[Stored data]
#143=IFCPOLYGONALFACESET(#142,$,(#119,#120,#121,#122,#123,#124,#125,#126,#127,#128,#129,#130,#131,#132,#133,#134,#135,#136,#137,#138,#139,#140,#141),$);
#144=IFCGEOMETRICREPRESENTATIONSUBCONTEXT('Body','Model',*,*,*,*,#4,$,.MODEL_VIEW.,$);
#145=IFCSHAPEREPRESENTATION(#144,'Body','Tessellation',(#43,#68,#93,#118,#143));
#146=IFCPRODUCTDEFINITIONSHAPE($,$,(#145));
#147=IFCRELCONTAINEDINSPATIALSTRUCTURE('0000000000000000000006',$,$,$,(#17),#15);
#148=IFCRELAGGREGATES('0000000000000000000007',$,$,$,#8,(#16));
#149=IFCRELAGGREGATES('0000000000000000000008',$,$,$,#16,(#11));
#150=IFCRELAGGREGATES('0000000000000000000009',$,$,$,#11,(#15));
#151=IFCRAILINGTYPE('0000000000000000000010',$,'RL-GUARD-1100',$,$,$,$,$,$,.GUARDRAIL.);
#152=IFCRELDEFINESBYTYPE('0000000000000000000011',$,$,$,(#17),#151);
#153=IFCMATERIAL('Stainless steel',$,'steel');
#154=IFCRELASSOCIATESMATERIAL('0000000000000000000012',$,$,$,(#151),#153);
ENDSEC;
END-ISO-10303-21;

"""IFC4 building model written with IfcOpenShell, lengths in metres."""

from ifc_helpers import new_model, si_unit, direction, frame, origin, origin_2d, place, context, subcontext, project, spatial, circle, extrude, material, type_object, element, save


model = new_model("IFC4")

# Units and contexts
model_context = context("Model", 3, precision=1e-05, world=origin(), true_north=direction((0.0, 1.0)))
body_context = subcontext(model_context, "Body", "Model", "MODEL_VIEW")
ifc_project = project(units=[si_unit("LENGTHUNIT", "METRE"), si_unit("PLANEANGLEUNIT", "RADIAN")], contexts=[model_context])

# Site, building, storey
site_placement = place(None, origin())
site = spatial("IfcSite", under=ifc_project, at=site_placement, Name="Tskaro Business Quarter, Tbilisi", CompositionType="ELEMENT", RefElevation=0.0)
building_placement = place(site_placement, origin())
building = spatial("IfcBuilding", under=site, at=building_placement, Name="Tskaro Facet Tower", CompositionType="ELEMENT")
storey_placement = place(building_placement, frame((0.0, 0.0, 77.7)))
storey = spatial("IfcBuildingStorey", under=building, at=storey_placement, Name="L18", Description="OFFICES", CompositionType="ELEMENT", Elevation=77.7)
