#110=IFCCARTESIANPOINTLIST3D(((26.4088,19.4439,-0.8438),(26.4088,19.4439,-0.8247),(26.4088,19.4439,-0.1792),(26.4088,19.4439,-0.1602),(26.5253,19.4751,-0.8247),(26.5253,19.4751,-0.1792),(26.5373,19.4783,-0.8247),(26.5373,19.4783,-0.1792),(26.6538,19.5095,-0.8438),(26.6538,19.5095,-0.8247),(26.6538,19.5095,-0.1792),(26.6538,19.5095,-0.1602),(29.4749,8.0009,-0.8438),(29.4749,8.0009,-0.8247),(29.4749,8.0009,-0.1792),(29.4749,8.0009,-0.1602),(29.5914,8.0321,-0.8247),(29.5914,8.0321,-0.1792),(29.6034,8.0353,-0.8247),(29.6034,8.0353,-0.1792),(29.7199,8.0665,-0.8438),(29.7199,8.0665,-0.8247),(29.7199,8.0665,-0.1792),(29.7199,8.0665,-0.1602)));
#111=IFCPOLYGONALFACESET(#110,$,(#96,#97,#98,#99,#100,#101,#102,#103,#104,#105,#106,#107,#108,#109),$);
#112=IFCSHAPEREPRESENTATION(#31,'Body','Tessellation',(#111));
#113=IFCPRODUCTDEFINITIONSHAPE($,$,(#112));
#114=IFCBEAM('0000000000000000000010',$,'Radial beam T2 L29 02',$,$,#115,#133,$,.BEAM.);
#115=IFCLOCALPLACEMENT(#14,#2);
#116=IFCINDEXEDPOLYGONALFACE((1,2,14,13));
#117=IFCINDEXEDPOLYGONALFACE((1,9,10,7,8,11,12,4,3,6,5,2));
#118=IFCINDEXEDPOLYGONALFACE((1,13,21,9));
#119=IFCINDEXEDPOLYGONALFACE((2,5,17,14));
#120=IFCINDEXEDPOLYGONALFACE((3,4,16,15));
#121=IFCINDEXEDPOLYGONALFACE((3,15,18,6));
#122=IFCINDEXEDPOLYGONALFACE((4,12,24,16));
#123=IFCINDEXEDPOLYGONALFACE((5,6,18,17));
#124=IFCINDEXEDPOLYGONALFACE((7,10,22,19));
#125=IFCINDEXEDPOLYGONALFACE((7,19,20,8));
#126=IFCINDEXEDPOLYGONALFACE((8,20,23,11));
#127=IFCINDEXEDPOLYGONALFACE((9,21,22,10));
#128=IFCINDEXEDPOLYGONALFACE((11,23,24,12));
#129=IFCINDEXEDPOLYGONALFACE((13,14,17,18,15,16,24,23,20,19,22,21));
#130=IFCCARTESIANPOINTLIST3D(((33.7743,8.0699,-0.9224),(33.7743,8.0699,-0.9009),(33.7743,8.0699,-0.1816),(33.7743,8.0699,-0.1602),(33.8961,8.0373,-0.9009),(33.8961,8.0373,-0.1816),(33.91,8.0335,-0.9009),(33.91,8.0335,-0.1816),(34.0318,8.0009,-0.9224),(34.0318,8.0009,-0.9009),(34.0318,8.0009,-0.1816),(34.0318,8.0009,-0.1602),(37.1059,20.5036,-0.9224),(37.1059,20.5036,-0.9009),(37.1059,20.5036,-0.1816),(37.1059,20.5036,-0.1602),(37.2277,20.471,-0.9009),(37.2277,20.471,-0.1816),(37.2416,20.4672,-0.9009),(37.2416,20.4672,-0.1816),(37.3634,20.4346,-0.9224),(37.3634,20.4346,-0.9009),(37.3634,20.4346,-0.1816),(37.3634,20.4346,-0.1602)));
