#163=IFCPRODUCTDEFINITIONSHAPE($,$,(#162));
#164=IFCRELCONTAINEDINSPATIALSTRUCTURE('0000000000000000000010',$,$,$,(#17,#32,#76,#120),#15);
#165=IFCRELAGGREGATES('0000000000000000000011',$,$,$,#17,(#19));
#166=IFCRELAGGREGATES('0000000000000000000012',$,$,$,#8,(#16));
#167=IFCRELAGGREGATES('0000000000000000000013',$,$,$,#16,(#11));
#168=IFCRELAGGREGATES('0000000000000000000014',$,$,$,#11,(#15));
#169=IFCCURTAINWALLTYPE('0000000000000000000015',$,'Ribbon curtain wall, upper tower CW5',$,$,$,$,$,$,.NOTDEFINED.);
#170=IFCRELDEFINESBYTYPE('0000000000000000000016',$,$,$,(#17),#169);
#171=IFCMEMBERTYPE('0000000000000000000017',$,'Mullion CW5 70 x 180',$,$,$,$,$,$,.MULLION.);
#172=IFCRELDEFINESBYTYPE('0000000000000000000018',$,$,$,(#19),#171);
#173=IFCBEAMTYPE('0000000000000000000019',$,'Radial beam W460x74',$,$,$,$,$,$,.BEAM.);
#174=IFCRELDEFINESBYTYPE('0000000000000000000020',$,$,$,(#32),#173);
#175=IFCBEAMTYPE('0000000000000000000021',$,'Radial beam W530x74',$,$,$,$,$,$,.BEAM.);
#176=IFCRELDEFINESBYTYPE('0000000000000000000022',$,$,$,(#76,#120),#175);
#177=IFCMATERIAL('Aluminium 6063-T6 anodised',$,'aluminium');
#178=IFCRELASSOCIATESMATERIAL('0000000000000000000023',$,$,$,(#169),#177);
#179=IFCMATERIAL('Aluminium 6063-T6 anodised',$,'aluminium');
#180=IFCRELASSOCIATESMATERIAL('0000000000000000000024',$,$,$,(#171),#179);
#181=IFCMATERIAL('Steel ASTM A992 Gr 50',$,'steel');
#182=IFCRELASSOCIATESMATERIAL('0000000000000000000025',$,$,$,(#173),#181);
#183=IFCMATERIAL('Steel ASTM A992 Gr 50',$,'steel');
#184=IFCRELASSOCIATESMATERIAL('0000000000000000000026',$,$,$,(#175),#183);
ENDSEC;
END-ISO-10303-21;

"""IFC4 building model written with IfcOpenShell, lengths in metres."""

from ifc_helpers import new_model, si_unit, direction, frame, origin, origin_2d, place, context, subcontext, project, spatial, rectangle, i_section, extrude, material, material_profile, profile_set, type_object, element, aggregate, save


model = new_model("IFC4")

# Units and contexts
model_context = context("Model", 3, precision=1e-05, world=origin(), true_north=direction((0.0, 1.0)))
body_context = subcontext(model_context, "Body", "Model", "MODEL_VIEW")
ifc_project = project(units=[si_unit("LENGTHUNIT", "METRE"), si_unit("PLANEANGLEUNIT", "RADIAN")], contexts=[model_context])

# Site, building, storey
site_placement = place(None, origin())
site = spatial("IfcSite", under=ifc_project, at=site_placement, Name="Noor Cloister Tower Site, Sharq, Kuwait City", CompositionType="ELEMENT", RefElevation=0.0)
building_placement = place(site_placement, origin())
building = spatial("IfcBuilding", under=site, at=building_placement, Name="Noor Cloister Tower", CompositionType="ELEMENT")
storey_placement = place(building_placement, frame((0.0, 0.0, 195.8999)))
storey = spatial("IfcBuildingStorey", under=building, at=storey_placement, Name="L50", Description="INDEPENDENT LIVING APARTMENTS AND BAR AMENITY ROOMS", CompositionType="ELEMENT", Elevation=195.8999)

* ABOUT THIS EXERCISE
In how many lines above does the word "Cloister" appear? Answer with only the number.

* EXERCISE ANSWER
2